Task objective - For the entries below, repeat exactly each line starting with the one that contains "#79=IFCINDEXEDPOLYGONALFACE((15,16,20,19));" and going on through the one that contains "#91=IFCINDEXEDPOLYGONALFACE((39,40,42,41));", and no others.

Given data -
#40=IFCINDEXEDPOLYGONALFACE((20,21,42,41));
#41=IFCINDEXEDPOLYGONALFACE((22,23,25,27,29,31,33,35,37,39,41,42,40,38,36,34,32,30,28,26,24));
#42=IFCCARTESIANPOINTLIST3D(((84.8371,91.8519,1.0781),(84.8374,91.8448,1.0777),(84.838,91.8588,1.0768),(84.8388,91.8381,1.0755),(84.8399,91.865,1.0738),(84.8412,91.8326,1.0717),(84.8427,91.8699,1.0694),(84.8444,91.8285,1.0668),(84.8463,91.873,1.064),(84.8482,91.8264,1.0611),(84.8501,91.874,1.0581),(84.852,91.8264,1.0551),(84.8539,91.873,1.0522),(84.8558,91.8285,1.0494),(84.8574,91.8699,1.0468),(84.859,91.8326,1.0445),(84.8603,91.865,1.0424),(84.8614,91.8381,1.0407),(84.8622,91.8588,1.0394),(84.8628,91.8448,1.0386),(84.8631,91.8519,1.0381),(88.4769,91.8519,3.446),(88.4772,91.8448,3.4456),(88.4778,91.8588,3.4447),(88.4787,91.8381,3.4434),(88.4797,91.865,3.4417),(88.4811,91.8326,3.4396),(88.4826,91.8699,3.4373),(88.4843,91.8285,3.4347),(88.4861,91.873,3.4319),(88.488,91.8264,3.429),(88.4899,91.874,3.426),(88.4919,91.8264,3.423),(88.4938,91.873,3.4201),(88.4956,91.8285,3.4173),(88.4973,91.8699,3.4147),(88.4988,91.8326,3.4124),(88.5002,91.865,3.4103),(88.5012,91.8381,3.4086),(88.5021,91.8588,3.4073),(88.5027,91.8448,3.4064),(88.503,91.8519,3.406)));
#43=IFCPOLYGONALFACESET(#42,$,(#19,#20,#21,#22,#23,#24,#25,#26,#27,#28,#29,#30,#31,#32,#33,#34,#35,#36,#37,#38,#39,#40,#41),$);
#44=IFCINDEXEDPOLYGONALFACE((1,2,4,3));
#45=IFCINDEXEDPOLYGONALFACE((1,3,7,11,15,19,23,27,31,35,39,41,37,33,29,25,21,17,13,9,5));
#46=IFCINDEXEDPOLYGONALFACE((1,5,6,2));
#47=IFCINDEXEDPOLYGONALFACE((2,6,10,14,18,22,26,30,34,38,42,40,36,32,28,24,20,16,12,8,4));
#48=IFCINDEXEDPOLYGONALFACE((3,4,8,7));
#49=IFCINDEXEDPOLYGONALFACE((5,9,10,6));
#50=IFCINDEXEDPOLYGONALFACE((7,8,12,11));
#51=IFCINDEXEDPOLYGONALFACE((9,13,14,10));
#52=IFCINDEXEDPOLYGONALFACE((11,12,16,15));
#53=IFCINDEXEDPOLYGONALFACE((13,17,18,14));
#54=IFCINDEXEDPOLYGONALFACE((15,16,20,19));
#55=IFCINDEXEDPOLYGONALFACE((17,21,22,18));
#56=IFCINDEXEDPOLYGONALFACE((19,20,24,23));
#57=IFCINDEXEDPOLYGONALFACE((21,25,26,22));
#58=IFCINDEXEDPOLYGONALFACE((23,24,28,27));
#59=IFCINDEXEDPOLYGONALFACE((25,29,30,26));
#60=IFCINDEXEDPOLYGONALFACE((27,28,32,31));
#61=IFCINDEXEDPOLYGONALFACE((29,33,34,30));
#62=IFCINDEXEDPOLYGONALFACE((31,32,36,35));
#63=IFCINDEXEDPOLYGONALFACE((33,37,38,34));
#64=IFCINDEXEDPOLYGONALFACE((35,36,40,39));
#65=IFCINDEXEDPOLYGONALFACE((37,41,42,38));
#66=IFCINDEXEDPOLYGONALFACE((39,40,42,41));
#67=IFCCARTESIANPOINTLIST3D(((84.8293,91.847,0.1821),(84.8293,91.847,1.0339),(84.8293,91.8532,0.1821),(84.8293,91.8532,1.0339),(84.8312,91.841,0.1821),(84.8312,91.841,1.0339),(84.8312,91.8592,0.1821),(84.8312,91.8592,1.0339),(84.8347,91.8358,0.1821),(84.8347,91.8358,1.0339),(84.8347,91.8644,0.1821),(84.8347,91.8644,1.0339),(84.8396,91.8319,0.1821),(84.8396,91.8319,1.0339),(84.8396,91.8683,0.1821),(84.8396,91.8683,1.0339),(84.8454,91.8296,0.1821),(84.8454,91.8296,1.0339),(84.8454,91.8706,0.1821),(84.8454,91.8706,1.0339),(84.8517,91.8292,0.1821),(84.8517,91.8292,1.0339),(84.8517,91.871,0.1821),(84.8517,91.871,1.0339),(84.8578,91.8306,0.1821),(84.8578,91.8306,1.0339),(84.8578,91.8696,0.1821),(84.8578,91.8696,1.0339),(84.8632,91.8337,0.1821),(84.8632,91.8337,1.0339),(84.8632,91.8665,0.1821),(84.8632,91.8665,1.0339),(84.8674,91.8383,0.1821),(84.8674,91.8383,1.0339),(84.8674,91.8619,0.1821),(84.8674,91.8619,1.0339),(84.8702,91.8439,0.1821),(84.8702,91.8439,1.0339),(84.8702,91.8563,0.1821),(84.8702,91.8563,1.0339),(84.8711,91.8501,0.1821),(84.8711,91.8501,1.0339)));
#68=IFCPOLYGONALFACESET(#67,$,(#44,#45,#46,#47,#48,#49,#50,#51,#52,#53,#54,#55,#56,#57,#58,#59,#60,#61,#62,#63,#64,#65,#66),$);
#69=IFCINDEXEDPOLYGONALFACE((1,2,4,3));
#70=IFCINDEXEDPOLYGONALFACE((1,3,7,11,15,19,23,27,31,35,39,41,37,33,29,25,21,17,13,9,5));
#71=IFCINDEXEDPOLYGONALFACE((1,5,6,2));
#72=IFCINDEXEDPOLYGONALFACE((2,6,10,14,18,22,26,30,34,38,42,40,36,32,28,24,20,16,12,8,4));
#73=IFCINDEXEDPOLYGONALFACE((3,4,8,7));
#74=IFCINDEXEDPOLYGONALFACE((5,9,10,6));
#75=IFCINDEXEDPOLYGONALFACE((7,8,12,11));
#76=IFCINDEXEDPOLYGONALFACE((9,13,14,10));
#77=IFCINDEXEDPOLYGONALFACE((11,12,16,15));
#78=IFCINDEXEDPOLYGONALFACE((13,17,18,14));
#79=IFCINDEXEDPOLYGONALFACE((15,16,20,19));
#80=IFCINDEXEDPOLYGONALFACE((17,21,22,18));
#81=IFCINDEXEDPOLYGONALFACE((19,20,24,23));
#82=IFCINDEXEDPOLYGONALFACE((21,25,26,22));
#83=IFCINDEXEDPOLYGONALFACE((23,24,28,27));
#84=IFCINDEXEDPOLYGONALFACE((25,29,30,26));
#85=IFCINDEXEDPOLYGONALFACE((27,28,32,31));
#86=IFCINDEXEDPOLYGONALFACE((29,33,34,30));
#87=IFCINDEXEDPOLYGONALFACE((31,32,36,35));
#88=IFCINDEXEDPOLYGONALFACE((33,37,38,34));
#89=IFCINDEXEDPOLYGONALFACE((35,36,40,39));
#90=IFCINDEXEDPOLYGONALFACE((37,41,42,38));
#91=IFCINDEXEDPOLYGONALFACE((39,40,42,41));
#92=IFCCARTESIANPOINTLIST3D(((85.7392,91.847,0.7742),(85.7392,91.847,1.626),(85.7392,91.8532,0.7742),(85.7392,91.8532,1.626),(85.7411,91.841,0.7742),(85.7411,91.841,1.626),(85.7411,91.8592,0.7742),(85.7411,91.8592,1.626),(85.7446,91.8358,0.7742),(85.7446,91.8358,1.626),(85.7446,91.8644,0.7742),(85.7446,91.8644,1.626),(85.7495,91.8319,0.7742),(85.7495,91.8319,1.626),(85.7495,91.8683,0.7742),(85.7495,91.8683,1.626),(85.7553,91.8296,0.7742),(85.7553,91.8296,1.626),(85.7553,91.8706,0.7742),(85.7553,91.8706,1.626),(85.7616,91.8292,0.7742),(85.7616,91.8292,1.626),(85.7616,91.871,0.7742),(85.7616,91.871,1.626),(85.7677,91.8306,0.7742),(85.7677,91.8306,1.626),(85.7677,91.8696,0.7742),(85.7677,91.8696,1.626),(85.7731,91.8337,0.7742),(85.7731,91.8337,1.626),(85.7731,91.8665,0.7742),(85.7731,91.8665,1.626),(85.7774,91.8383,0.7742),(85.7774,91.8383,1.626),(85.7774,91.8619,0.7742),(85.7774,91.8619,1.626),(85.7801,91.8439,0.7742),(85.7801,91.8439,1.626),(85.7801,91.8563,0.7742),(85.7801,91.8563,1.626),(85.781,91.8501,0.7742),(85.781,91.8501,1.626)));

Task answer -
#79=IFCINDEXEDPOLYGONALFACE((15,16,20,19));
#80=IFCINDEXEDPOLYGONALFACE((17,21,22,18));
#81=IFCINDEXEDPOLYGONALFACE((19,20,24,23));
#82=IFCINDEXEDPOLYGONALFACE((21,25,26,22));
#83=IFCINDEXEDPOLYGONALFACE((23,24,28,27));
#84=IFCINDEXEDPOLYGONALFACE((25,29,30,26));
#85=IFCINDEXEDPOLYGONALFACE((27,28,32,31));
#86=IFCINDEXEDPOLYGONALFACE((29,33,34,30));
#87=IFCINDEXEDPOLYGONALFACE((31,32,36,35));
#88=IFCINDEXEDPOLYGONALFACE((33,37,38,34));
#89=IFCINDEXEDPOLYGONALFACE((35,36,40,39));
#90=IFCINDEXEDPOLYGONALFACE((37,41,42,38));
#91=IFCINDEXEDPOLYGONALFACE((39,40,42,41));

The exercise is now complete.